+++ DATA EXCERPTS
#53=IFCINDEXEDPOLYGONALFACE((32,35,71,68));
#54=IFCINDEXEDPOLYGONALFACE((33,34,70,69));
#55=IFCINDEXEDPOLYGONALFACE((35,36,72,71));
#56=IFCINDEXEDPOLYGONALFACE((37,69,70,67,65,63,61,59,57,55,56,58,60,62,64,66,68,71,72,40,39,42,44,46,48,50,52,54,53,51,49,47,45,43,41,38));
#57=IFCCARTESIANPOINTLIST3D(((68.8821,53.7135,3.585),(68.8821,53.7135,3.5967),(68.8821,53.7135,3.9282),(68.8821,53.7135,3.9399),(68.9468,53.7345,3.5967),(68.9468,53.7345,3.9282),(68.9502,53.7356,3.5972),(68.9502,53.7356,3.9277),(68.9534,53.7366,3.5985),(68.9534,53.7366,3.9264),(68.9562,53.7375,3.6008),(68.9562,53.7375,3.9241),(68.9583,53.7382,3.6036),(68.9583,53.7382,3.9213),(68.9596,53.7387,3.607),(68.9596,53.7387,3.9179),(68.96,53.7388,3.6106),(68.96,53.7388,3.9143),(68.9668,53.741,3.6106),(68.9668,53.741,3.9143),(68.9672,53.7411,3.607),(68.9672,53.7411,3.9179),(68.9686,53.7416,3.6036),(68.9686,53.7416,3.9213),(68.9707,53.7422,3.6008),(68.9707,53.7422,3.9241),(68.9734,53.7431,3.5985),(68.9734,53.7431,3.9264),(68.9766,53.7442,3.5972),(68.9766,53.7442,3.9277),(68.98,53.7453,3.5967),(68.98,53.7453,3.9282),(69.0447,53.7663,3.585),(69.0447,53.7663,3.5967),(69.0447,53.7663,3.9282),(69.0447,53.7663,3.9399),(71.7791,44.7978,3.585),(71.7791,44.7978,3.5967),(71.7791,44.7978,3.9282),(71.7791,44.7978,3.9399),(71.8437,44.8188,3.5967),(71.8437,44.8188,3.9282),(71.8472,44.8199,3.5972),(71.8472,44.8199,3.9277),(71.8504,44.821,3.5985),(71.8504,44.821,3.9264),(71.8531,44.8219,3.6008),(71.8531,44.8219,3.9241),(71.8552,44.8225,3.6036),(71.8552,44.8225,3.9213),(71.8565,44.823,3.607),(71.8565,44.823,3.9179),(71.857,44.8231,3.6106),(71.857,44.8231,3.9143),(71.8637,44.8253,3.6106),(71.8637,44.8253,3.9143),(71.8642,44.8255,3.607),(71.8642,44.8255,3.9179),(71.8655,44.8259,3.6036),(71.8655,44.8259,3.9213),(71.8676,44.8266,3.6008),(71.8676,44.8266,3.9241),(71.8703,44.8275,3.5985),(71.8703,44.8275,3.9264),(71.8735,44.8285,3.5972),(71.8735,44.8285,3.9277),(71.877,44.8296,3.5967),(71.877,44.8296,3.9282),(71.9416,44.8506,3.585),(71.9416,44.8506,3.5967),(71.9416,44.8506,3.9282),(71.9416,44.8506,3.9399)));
++++++
**ACTIVITY**
In the listing above, locate each line with "IFCINDEXEDPOLYGONALFACE" and copy it.

**EXPECTED OUTPUT**
#53=IFCINDEXEDPOLYGONALFACE((32,35,71,68));
#54=IFCINDEXEDPOLYGONALFACE((33,34,70,69));
#55=IFCINDEXEDPOLYGONALFACE((35,36,72,71));
#56=IFCINDEXEDPOLYGONALFACE((37,69,70,67,65,63,61,59,57,55,56,58,60,62,64,66,68,71,72,40,39,42,44,46,48,50,52,54,53,51,49,47,45,43,41,38));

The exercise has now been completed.